Saved data entries:
:::

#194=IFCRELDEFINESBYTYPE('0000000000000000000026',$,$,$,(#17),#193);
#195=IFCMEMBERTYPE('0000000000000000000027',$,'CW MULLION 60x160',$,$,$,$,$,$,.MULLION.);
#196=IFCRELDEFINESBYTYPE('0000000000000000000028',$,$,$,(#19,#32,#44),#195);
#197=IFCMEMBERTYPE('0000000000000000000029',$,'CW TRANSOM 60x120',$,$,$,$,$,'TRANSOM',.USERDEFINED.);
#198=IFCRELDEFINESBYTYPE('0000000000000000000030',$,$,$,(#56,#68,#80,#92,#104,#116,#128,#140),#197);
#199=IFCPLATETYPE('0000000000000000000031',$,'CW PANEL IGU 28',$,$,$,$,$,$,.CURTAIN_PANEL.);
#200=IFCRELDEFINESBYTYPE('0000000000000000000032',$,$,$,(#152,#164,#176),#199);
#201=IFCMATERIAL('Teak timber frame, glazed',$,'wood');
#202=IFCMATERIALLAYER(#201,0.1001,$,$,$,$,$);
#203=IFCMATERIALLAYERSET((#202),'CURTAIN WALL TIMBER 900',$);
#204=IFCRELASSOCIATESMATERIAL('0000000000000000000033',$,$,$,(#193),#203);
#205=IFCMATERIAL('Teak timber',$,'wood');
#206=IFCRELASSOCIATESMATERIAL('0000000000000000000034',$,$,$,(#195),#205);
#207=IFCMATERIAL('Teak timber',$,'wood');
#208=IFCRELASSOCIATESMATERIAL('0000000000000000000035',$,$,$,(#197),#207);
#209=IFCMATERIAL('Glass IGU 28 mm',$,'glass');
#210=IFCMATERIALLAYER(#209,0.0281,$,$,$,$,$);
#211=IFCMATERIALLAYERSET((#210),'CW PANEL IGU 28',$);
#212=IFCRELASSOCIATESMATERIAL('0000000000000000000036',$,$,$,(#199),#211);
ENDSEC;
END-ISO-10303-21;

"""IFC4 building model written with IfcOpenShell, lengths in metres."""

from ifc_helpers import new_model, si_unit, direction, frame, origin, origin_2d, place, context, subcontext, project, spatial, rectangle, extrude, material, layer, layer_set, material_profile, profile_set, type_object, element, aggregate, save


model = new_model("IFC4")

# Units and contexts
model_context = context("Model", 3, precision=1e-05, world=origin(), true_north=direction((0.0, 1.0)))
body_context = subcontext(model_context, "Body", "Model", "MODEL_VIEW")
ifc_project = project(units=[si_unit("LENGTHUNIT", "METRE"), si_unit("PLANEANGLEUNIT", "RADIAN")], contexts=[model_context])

:::

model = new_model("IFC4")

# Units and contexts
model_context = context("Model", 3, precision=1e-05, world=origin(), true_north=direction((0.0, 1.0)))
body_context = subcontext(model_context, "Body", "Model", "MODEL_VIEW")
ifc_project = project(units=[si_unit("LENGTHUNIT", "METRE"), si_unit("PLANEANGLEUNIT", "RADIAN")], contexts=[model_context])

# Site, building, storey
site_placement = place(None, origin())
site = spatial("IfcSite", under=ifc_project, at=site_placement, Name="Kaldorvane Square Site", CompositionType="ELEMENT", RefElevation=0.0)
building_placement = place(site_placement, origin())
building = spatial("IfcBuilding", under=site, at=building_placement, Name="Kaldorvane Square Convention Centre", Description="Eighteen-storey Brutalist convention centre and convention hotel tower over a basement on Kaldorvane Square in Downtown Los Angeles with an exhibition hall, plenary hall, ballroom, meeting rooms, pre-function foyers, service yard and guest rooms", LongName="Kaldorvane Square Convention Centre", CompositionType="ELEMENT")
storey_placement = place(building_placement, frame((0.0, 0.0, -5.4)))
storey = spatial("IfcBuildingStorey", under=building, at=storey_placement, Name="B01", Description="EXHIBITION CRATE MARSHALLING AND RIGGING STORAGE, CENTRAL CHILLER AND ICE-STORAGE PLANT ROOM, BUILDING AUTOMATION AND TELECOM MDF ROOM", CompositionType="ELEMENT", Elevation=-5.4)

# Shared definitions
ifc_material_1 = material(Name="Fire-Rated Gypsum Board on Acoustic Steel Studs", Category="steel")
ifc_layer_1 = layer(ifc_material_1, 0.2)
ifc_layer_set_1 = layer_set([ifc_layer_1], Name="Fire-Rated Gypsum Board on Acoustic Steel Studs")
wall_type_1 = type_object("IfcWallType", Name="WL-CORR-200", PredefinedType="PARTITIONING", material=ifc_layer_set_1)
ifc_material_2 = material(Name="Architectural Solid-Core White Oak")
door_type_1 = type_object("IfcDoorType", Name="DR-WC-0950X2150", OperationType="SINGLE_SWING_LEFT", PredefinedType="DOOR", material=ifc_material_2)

:::

Work to be completed:
Whenever a line above contains "IFCRELDEFINESBYTYPE", copy that line.

Task response:
#194=IFCRELDEFINESBYTYPE('0000000000000000000026',$,$,$,(#17),#193);
#196=IFCRELDEFINESBYTYPE('0000000000000000000028',$,$,$,(#19,#32,#44),#195);
#198=IFCRELDEFINESBYTYPE('0000000000000000000030',$,$,$,(#56,#68,#80,#92,#104,#116,#128,#140),#197);
#200=IFCRELDEFINESBYTYPE('0000000000000000000032',$,$,$,(#152,#164,#176),#199);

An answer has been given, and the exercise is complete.